▶ **ACTIVITY**: Scan the data below for the string "Anodised". Copy every line where it appears.
======== INFORMATION PROVIDED
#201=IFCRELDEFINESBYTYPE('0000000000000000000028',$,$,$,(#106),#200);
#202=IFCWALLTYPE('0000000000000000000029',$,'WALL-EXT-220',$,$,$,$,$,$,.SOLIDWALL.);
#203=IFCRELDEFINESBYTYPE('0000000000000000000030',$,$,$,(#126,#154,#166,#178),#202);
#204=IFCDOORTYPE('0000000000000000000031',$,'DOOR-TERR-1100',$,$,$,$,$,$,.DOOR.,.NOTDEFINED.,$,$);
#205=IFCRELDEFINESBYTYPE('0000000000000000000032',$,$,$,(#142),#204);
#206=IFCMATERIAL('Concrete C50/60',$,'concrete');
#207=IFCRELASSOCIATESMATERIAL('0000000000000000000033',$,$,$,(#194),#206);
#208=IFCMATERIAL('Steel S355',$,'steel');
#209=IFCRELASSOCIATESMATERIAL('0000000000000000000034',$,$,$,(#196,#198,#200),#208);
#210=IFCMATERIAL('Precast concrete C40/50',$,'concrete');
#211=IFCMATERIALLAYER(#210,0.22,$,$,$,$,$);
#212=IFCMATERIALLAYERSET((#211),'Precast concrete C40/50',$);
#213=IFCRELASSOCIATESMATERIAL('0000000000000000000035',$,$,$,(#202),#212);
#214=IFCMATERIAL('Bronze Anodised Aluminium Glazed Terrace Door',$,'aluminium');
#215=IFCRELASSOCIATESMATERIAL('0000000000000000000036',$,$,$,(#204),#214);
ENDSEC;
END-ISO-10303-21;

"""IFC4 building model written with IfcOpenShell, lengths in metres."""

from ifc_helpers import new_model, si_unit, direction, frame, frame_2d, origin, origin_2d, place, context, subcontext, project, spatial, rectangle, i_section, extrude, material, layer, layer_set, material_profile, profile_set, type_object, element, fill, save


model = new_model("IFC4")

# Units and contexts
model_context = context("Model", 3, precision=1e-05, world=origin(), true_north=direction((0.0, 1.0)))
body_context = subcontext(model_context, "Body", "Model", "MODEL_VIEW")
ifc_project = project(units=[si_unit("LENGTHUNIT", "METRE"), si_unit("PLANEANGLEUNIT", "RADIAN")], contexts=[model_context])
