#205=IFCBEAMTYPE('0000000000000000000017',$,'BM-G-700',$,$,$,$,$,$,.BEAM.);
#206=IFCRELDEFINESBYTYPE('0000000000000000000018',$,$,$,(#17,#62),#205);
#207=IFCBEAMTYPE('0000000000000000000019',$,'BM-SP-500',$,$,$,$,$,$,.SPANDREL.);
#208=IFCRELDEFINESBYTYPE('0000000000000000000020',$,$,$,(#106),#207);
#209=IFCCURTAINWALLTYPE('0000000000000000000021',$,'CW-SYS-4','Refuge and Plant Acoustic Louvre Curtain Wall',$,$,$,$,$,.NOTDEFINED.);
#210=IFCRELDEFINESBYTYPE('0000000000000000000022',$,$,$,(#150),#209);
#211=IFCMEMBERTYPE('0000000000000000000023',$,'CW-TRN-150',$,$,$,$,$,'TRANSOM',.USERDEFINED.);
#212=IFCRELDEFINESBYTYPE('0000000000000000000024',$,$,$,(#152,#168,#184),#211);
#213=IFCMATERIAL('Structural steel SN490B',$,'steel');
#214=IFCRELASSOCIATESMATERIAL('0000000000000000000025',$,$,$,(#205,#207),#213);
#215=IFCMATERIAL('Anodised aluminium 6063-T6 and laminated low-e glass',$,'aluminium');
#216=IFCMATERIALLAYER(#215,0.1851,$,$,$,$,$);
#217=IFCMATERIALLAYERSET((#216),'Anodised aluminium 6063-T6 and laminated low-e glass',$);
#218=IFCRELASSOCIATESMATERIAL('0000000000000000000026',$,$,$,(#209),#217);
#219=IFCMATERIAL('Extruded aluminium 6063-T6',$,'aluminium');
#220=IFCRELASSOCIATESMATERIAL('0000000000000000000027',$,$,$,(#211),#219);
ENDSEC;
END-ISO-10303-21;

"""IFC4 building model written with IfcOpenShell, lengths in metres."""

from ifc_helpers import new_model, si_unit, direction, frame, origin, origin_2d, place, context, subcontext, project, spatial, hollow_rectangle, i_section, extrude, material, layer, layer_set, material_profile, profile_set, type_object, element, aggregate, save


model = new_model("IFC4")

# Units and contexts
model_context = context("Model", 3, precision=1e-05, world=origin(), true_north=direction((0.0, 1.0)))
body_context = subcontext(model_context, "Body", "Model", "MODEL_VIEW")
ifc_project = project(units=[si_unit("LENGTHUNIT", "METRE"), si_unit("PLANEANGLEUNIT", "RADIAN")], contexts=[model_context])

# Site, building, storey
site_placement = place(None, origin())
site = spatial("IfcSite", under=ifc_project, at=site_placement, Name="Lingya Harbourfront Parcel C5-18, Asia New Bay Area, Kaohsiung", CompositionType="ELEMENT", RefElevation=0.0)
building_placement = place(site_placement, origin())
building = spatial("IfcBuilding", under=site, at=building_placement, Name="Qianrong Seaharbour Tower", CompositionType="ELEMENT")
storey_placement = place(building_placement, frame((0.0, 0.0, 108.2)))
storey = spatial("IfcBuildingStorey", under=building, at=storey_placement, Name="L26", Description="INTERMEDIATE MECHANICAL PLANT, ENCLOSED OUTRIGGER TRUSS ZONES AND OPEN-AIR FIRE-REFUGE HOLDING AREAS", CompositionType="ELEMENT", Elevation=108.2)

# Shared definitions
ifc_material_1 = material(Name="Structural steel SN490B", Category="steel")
================
▶ **EXPECTED OUTPUT**:
#214=IFCMATERIAL('Bronze Anodised Aluminium Glazed Terrace Door',$,'aluminium');
#215=IFCMATERIAL('Anodised aluminium 6063-T6 and laminated low-e glass',$,'aluminium');
#217=IFCMATERIALLAYERSET((#216),'Anodised aluminium 6063-T6 and laminated low-e glass',$);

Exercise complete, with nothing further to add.